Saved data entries
========

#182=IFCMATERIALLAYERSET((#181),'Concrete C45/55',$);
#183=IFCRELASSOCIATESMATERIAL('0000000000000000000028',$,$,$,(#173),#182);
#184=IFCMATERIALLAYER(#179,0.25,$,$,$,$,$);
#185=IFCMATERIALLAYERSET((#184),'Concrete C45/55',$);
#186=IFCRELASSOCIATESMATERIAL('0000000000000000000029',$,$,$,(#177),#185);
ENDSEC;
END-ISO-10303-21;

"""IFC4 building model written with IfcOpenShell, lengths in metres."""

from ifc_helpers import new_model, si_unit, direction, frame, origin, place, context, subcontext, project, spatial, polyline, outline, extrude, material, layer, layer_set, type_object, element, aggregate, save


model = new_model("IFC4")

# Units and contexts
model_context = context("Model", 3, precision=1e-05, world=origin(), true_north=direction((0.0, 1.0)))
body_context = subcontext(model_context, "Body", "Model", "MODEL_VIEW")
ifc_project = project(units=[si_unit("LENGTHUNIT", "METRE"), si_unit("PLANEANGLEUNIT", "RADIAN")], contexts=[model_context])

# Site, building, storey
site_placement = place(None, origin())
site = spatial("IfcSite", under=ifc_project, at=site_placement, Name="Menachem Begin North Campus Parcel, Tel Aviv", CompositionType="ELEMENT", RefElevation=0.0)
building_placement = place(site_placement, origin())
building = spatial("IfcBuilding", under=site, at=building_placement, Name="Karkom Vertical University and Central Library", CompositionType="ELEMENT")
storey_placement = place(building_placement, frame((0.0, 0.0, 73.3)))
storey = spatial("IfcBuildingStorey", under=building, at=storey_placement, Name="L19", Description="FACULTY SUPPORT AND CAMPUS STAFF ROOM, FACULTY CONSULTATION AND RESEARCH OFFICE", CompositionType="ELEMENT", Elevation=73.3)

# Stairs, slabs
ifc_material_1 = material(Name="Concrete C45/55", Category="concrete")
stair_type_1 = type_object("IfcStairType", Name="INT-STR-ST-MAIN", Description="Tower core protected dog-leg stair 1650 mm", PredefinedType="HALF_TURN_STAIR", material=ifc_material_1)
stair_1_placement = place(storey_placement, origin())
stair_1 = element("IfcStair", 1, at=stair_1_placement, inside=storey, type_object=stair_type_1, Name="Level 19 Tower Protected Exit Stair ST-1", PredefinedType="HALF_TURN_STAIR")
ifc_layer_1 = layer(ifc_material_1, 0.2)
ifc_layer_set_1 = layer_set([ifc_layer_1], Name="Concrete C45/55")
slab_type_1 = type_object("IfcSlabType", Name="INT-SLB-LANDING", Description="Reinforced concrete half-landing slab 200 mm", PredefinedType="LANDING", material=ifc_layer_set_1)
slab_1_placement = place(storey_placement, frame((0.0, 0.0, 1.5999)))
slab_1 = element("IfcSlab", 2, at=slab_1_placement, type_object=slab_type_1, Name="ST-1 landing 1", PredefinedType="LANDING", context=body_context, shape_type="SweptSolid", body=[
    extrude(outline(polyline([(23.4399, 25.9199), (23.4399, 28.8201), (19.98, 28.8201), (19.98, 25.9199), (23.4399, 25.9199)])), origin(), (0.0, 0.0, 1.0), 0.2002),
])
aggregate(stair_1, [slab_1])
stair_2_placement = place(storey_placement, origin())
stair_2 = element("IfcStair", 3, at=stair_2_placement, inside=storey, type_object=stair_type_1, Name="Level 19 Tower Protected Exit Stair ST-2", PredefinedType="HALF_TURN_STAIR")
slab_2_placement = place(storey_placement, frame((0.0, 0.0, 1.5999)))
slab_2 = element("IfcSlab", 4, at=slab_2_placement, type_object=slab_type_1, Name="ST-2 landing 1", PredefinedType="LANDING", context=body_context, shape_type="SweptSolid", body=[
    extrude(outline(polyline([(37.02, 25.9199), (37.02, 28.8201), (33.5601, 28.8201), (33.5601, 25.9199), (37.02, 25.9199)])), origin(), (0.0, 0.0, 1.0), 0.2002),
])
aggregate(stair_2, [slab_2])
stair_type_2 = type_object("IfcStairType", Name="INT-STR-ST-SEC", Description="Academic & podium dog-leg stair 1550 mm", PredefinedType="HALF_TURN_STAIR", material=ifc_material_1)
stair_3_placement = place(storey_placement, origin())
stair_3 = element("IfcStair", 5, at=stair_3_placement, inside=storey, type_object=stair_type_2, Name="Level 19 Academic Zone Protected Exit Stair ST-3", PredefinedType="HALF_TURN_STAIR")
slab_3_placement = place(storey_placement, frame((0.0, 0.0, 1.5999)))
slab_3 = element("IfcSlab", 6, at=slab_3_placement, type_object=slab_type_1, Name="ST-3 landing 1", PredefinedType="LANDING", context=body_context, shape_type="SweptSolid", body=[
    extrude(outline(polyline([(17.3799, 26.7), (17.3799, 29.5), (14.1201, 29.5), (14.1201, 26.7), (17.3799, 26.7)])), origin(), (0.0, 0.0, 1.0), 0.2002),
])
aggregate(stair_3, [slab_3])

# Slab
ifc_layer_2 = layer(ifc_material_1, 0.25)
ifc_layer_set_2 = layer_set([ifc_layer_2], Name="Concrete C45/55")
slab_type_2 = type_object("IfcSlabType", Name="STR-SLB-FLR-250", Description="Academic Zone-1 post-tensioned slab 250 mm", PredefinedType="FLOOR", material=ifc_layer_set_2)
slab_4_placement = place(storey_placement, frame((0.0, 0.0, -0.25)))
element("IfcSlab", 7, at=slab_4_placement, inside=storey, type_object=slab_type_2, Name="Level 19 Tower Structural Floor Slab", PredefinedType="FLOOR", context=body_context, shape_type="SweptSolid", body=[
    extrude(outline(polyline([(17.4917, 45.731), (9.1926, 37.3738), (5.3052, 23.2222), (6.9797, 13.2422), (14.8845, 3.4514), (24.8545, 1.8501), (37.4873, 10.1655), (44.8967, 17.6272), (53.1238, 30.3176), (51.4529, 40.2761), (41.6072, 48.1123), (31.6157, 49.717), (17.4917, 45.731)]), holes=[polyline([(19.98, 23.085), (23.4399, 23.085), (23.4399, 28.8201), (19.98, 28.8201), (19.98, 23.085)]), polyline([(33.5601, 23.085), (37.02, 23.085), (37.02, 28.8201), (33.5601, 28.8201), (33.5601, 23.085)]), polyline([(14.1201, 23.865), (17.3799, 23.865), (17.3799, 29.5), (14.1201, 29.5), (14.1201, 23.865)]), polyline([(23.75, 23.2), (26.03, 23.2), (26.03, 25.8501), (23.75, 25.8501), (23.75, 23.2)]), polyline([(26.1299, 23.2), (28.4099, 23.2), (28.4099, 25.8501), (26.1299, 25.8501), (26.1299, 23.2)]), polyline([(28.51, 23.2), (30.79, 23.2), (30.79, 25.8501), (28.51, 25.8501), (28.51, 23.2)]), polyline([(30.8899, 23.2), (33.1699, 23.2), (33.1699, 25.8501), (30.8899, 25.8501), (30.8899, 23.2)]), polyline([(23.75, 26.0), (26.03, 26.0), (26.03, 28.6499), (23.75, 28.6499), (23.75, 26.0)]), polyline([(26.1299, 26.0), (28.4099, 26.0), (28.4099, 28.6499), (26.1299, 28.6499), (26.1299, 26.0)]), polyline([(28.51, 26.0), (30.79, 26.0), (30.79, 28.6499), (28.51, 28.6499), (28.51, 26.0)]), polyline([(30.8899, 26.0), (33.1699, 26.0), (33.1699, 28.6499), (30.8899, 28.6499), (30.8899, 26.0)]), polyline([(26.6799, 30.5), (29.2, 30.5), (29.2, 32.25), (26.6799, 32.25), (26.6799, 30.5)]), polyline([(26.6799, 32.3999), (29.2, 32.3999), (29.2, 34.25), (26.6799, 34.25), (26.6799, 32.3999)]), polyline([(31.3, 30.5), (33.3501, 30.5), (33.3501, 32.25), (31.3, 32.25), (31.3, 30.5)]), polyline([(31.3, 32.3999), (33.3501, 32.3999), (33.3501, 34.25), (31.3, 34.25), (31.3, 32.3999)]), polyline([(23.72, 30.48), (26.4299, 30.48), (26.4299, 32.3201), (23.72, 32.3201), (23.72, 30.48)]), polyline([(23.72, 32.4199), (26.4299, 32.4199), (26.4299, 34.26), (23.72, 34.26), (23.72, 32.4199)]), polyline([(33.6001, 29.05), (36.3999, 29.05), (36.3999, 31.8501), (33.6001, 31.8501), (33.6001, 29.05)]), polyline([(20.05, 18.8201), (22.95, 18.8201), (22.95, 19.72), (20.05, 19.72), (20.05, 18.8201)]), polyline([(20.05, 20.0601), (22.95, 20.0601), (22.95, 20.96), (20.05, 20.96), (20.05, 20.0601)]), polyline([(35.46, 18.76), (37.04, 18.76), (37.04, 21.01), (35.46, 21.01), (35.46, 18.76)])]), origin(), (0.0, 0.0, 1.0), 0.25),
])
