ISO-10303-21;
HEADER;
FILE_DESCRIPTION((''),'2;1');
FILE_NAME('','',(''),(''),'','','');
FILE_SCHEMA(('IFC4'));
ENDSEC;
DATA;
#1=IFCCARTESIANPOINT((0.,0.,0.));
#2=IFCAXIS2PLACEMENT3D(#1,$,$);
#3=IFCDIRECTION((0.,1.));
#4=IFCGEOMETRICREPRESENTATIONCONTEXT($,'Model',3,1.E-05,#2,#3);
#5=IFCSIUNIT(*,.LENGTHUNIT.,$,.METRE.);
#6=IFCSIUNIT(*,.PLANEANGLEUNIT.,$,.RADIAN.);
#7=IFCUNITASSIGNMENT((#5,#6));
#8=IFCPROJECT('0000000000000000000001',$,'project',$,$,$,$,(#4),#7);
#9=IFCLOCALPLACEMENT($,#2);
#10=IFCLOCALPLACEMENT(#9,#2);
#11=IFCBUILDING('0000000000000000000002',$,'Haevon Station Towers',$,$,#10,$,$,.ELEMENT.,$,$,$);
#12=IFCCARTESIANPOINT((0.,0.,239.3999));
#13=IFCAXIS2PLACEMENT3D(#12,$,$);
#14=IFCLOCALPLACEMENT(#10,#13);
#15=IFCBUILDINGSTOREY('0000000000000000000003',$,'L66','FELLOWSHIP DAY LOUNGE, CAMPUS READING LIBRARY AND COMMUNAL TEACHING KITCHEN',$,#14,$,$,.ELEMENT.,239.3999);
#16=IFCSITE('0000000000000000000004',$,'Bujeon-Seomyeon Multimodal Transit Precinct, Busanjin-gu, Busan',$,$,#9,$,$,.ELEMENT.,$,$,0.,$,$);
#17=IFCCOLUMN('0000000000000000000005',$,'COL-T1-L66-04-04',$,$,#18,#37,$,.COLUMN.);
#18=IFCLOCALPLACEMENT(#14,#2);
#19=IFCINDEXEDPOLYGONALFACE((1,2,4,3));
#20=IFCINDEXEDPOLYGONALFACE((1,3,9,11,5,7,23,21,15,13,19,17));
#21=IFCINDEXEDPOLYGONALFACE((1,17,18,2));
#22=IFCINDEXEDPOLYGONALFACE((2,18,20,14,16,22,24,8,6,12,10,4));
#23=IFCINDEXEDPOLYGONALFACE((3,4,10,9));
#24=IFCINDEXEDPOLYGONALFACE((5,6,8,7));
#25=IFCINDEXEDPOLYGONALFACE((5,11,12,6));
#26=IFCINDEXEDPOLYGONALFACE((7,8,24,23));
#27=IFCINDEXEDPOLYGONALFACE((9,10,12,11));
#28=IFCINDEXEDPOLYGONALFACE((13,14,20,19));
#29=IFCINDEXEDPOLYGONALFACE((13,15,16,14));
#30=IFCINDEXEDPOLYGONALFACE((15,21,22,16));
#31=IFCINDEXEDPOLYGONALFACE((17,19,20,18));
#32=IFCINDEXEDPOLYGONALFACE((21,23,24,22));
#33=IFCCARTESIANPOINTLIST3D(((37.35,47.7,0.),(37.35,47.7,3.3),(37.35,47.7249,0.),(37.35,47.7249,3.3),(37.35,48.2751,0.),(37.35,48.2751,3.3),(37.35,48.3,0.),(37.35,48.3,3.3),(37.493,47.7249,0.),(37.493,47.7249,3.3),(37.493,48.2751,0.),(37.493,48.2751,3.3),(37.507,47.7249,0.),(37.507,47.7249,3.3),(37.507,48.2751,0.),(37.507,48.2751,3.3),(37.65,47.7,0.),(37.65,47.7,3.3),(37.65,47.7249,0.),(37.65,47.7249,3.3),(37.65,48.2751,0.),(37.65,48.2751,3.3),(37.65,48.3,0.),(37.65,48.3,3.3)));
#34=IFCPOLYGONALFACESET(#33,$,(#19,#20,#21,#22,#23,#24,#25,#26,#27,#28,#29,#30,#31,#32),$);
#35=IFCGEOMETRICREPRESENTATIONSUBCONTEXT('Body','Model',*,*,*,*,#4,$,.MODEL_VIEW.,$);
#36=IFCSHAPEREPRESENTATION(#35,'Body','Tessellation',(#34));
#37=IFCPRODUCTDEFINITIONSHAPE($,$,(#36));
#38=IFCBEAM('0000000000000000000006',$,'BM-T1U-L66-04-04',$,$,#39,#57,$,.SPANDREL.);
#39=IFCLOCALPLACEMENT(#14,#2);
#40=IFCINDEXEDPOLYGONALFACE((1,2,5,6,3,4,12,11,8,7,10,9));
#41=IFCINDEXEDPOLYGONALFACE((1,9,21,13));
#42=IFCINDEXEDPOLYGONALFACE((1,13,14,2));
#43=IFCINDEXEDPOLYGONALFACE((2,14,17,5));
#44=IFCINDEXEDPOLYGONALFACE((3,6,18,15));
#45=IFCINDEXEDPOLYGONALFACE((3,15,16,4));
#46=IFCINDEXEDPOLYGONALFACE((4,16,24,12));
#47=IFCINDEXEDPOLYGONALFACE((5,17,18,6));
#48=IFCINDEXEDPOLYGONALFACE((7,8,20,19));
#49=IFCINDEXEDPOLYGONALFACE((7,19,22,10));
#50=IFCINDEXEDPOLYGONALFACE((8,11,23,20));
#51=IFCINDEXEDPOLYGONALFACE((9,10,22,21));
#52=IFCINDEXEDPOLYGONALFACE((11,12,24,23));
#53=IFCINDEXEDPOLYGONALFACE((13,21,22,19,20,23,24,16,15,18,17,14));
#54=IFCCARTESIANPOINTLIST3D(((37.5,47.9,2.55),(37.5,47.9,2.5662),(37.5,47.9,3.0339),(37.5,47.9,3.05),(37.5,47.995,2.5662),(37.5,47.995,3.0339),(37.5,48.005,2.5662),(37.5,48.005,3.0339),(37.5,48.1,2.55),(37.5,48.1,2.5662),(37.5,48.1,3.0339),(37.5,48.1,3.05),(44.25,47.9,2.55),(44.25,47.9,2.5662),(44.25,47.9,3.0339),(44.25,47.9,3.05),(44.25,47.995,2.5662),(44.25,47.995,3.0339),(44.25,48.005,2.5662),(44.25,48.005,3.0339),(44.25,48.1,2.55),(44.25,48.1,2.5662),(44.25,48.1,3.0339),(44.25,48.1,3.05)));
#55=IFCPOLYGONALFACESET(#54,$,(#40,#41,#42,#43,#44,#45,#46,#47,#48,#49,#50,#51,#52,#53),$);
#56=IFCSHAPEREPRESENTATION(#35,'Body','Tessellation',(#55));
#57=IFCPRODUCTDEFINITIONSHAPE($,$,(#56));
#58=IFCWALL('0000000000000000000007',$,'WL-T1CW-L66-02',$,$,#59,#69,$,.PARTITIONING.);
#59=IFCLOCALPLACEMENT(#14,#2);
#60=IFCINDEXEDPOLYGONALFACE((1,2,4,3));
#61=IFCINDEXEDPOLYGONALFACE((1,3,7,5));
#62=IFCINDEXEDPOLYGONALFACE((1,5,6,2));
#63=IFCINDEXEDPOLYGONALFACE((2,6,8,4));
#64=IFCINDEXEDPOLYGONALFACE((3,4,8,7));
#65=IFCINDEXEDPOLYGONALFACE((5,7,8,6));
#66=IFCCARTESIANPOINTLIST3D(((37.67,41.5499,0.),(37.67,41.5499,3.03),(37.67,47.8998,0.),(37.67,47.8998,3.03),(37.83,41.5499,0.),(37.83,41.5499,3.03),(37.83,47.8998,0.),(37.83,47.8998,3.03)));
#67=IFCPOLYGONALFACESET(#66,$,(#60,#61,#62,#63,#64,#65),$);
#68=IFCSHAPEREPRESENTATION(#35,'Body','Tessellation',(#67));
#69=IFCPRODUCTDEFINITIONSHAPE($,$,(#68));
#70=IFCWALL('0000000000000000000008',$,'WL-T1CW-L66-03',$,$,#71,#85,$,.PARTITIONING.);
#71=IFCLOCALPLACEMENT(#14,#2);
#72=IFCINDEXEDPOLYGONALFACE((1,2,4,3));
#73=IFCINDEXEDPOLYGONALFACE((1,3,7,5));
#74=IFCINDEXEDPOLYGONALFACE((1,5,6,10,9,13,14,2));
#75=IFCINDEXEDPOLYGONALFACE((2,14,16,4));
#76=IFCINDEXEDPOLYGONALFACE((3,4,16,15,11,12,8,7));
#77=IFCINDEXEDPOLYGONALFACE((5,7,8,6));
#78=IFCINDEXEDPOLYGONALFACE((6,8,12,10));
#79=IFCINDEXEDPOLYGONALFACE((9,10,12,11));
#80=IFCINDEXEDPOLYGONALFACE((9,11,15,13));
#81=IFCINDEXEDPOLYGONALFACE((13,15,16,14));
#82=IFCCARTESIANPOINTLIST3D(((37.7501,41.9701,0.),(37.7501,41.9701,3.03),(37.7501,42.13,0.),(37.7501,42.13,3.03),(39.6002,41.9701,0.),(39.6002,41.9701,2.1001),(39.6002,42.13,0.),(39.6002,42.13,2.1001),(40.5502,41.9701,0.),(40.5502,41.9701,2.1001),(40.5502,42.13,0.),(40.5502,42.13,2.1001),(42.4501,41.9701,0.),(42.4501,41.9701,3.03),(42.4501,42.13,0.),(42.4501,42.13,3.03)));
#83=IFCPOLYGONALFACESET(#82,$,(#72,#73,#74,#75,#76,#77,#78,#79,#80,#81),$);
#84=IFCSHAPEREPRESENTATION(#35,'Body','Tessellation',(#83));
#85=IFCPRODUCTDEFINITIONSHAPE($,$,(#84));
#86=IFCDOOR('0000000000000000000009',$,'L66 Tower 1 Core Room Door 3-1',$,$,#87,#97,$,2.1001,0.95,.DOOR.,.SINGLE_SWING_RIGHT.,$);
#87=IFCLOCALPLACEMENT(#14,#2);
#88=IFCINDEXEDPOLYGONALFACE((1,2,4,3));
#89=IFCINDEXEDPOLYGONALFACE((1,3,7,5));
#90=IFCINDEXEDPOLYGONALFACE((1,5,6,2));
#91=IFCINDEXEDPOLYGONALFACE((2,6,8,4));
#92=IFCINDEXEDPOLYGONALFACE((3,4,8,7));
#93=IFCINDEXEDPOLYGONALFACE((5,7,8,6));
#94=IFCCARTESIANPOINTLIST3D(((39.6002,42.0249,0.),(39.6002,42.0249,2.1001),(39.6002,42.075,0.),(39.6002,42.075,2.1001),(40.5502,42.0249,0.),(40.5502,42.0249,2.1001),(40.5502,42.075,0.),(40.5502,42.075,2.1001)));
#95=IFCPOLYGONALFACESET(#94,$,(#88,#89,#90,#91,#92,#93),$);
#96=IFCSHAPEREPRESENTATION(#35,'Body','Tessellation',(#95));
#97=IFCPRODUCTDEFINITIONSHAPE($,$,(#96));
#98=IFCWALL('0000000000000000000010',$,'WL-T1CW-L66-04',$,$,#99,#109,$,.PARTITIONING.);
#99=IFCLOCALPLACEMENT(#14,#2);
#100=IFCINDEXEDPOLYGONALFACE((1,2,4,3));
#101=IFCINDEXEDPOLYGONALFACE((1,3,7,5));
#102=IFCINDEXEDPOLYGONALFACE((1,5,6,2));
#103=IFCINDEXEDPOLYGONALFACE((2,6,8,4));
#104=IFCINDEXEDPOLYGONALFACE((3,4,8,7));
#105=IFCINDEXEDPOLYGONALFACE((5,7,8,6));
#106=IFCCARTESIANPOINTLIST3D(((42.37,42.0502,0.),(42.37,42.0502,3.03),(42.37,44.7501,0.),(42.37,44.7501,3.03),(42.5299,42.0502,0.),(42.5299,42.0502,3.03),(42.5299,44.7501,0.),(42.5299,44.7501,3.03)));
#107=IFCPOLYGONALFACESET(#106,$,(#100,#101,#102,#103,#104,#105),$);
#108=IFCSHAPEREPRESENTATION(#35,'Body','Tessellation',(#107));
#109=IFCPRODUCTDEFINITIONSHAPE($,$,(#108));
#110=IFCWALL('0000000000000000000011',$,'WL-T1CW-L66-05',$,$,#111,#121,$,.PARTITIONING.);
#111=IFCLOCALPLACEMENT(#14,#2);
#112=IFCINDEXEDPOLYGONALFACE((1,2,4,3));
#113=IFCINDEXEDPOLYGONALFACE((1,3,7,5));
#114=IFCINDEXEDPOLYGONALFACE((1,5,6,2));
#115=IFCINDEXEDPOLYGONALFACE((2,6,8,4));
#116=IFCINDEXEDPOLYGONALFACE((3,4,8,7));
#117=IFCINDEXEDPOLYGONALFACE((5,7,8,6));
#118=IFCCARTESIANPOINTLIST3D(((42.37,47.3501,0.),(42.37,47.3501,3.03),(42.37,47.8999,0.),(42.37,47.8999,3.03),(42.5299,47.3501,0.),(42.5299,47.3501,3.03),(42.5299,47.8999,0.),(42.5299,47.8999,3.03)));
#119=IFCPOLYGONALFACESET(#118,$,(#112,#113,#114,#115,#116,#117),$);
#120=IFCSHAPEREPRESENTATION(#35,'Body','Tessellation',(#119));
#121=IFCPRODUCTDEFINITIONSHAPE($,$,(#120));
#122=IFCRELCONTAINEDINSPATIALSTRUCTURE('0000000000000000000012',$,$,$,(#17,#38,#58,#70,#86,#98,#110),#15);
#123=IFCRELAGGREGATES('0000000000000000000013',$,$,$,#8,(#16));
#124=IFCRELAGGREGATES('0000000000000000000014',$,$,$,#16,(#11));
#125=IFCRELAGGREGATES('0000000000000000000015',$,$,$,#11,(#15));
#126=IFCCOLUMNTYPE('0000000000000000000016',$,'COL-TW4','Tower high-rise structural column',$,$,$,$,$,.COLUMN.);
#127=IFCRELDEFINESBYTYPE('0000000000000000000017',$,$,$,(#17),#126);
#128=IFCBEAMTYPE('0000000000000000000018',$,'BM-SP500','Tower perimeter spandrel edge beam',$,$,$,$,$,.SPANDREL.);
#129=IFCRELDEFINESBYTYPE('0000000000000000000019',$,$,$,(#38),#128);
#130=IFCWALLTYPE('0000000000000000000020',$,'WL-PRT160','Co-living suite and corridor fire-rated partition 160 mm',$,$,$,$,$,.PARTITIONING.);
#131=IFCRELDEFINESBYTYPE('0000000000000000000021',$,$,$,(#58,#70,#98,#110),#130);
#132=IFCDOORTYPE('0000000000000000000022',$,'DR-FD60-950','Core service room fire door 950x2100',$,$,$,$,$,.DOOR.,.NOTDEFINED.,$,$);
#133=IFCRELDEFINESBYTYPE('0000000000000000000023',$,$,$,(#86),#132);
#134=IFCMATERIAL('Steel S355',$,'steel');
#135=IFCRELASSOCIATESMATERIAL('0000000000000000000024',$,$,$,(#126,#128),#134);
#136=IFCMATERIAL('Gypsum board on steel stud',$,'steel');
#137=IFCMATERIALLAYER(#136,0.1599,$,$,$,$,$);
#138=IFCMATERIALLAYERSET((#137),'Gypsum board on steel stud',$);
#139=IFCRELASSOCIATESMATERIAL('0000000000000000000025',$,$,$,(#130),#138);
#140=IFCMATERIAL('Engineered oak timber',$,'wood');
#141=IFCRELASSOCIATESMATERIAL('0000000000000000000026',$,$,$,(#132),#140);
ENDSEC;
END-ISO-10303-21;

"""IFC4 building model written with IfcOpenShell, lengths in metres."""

from ifc_helpers import new_model, si_unit, direction, frame, frame_2d, origin, origin_2d, place, context, subcontext, project, spatial, rectangle, i_section, extrude, material, layer, layer_set, material_profile, profile_set, type_object, element, fill, save


model = new_model("IFC4")

# Units and contexts
model_context = context("Model", 3, precision=1e-05, world=origin(), true_north=direction((0.0, 1.0)))
body_context = subcontext(model_context, "Body", "Model", "MODEL_VIEW")
ifc_project = project(units=[si_unit("LENGTHUNIT", "METRE"), si_unit("PLANEANGLEUNIT", "RADIAN")], contexts=[model_context])

# Site, building, storey
site_placement = place(None, origin())
site = spatial("IfcSite", under=ifc_project, at=site_placement, Name="Bujeon-Seomyeon Multimodal Transit Precinct, Busanjin-gu, Busan", CompositionType="ELEMENT", RefElevation=0.0)
building_placement = place(site_placement, origin())
building = spatial("IfcBuilding", under=site, at=building_placement, Name="Haevon Station Towers", CompositionType="ELEMENT")
storey_placement = place(building_placement, frame((0.0, 0.0, 239.3999)))
storey = spatial("IfcBuildingStorey", under=building, at=storey_placement, Name="L66", Description="FELLOWSHIP DAY LOUNGE, CAMPUS READING LIBRARY AND COMMUNAL TEACHING KITCHEN", CompositionType="ELEMENT", Elevation=239.3999)

# Column
ifc_material_1 = material(Name="Steel S355", Category="steel")
ifc_material_profile_1 = material_profile(ifc_material_1, i_section(OverallWidth=0.3, OverallDepth=0.6001, WebThickness=0.0139, FlangeThickness=0.0249, at=origin_2d()), Name="H-600x300x14x25")
ifc_profile_set_1 = profile_set([ifc_material_profile_1], Name="Steel S355")
column_type = type_object("IfcColumnType", Name="COL-TW4", Description="Tower high-rise structural column", PredefinedType="COLUMN", material=ifc_profile_set_1)
column_placement = place(storey_placement, frame((37.5, 48.0, 0.0), z_axis=(0.0, 0.0, 1.0), x_axis=(1.0, 0.0, 0.0)))
element("IfcColumn", 1, at=column_placement, inside=storey, type_object=column_type, Name="COL-T1-L66-04-04", PredefinedType="COLUMN", context=body_context, shape_type="SweptSolid", body=[
    extrude(i_section(OverallWidth=0.3, OverallDepth=0.6001, WebThickness=0.0139, FlangeThickness=0.0249, at=origin_2d()), origin(), (0.0, 0.0, 1.0), 3.3),
])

========

◆ Directions for this task
Say how many lines above include "DOOR", please, and nothing else.

◆ Written reply
2